WHAT THE TASK ASKS: Below are the entries; give again exactly the lines from the one mentioning "#25=IFCINDEXEDPOLYGONALFACE((4,20,24,8));" through the one mentioning "#38=IFCBEAM('0000000000000000000006',$,'L54 Composite Floor", inclusive.

DATA PROVIDED:
- Opening Delimiter -

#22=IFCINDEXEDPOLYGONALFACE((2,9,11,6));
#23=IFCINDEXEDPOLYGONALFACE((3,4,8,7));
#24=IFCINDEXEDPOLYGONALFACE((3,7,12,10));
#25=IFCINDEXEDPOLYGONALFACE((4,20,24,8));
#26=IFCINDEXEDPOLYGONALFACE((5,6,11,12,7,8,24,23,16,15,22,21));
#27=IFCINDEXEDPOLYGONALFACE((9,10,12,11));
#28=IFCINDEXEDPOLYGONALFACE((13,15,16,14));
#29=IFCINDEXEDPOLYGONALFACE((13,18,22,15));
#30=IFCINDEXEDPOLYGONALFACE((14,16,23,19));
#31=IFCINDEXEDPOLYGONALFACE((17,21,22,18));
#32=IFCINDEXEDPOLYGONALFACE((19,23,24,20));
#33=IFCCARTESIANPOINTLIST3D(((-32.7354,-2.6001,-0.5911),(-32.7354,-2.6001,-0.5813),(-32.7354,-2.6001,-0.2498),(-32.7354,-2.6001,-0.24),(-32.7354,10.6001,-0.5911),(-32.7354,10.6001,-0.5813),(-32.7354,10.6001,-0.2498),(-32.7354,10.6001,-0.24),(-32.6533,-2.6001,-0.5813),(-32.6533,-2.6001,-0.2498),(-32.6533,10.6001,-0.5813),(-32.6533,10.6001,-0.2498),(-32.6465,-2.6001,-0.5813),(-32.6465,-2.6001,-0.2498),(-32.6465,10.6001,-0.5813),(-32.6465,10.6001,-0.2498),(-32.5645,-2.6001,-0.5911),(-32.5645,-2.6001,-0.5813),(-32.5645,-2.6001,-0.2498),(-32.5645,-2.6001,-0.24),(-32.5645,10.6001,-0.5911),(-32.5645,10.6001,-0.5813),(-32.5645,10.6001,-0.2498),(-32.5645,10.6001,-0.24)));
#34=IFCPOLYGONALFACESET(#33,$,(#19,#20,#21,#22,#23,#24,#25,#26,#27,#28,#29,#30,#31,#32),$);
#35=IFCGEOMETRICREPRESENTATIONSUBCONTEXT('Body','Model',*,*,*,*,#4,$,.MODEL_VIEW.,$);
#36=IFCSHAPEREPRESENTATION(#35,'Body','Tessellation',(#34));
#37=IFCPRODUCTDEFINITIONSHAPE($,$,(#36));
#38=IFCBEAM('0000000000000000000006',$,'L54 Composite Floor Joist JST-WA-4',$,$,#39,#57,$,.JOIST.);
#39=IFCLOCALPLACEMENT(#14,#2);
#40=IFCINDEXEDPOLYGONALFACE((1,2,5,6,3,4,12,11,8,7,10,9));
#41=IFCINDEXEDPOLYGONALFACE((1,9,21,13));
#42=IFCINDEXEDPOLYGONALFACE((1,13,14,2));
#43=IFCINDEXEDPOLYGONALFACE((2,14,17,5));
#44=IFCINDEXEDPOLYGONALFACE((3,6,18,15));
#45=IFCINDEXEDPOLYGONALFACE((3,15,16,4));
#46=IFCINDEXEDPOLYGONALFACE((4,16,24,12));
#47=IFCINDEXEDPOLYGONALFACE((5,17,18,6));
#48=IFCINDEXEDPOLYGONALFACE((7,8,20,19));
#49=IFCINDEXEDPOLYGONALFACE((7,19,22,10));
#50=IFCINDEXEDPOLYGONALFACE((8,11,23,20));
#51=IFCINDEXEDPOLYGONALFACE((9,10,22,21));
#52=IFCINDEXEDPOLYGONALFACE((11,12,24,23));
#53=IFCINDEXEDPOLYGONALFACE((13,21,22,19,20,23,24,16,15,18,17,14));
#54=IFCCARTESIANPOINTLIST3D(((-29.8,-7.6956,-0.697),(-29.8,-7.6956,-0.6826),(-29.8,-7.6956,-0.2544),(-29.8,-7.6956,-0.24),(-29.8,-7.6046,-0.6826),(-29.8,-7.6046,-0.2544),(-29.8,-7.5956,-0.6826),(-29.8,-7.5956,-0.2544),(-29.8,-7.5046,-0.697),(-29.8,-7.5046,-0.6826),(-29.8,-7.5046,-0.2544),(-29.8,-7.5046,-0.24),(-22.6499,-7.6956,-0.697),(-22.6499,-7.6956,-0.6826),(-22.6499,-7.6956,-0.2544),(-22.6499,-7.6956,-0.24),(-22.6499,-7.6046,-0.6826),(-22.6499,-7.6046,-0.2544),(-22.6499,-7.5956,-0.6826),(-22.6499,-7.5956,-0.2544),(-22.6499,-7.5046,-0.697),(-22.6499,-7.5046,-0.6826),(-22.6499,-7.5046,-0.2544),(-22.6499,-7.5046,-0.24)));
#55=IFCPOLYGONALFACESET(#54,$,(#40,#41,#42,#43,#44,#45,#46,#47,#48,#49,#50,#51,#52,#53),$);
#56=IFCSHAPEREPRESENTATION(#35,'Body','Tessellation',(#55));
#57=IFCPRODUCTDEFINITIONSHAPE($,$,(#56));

- Closing Delimiter -

SOLUTION TO THE PROBLEM:
#25=IFCINDEXEDPOLYGONALFACE((4,20,24,8));
#26=IFCINDEXEDPOLYGONALFACE((5,6,11,12,7,8,24,23,16,15,22,21));
#27=IFCINDEXEDPOLYGONALFACE((9,10,12,11));
#28=IFCINDEXEDPOLYGONALFACE((13,15,16,14));
#29=IFCINDEXEDPOLYGONALFACE((13,18,22,15));
#30=IFCINDEXEDPOLYGONALFACE((14,16,23,19));
#31=IFCINDEXEDPOLYGONALFACE((17,21,22,18));
#32=IFCINDEXEDPOLYGONALFACE((19,23,24,20));
#33=IFCCARTESIANPOINTLIST3D(((-32.7354,-2.6001,-0.5911),(-32.7354,-2.6001,-0.5813),(-32.7354,-2.6001,-0.2498),(-32.7354,-2.6001,-0.24),(-32.7354,10.6001,-0.5911),(-32.7354,10.6001,-0.5813),(-32.7354,10.6001,-0.2498),(-32.7354,10.6001,-0.24),(-32.6533,-2.6001,-0.5813),(-32.6533,-2.6001,-0.2498),(-32.6533,10.6001,-0.5813),(-32.6533,10.6001,-0.2498),(-32.6465,-2.6001,-0.5813),(-32.6465,-2.6001,-0.2498),(-32.6465,10.6001,-0.5813),(-32.6465,10.6001,-0.2498),(-32.5645,-2.6001,-0.5911),(-32.5645,-2.6001,-0.5813),(-32.5645,-2.6001,-0.2498),(-32.5645,-2.6001,-0.24),(-32.5645,10.6001,-0.5911),(-32.5645,10.6001,-0.5813),(-32.5645,10.6001,-0.2498),(-32.5645,10.6001,-0.24)));
#34=IFCPOLYGONALFACESET(#33,$,(#19,#20,#21,#22,#23,#24,#25,#26,#27,#28,#29,#30,#31,#32),$);
#35=IFCGEOMETRICREPRESENTATIONSUBCONTEXT('Body','Model',*,*,*,*,#4,$,.MODEL_VIEW.,$);
#36=IFCSHAPEREPRESENTATION(#35,'Body','Tessellation',(#34));
#37=IFCPRODUCTDEFINITIONSHAPE($,$,(#36));
#38=IFCBEAM('0000000000000000000006',$,'L54 Composite Floor Joist JST-WA-4',$,$,#39,#57,$,.JOIST.);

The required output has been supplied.